:: THE TASK ::
Each line below either holds the string "Block" or doesn't. Count those that do and give only the number.

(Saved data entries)
□ □ □

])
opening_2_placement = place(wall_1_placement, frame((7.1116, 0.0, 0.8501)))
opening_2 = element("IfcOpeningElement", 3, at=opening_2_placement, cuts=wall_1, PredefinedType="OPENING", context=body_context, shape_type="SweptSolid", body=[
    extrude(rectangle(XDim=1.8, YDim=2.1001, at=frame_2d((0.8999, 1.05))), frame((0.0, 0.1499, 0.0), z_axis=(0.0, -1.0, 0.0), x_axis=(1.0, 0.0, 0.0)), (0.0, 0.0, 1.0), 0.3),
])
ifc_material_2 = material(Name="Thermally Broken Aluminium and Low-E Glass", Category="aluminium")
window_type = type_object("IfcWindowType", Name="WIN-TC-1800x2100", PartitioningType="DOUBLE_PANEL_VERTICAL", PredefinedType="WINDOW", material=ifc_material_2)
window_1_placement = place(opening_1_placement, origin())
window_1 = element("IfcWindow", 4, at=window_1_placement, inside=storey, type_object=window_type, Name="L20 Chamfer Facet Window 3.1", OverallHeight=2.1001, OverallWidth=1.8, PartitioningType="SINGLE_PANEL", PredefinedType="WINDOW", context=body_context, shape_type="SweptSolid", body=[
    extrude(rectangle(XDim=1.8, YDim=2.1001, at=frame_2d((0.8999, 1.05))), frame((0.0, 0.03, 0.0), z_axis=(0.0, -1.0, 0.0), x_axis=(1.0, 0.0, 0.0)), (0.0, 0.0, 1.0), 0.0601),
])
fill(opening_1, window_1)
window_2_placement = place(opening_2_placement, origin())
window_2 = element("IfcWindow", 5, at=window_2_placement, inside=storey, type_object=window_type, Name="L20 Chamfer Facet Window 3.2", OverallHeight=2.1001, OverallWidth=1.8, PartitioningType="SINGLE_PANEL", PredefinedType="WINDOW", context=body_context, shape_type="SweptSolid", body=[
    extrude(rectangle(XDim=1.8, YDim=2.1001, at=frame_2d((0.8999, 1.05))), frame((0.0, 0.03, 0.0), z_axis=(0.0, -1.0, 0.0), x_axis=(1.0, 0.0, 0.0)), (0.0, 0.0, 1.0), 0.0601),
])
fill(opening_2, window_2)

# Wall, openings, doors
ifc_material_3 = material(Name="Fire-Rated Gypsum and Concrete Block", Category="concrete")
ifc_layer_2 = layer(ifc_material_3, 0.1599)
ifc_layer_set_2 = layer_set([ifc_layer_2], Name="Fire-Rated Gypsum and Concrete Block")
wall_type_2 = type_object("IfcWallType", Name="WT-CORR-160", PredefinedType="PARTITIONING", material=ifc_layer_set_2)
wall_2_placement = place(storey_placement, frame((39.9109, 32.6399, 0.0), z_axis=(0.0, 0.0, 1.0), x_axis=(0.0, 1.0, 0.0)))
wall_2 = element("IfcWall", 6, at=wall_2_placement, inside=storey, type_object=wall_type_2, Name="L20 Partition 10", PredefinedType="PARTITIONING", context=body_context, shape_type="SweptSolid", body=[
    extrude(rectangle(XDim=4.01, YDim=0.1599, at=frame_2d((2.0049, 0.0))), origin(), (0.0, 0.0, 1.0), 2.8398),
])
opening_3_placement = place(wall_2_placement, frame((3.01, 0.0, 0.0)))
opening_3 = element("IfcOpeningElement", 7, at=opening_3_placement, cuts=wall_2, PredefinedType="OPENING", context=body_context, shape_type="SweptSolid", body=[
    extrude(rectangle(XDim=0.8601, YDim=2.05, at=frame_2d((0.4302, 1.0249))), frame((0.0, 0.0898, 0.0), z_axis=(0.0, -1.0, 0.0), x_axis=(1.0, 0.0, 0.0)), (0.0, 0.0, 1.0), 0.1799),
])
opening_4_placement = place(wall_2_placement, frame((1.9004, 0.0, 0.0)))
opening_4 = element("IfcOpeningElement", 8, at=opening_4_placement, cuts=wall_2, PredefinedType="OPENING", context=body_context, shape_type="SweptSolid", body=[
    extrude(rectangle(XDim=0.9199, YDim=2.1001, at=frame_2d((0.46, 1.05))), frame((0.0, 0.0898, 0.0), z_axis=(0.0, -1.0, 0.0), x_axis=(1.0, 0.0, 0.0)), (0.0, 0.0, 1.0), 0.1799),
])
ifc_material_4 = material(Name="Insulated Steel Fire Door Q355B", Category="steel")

□ □ □

:: YOUR SOLUTION ::
2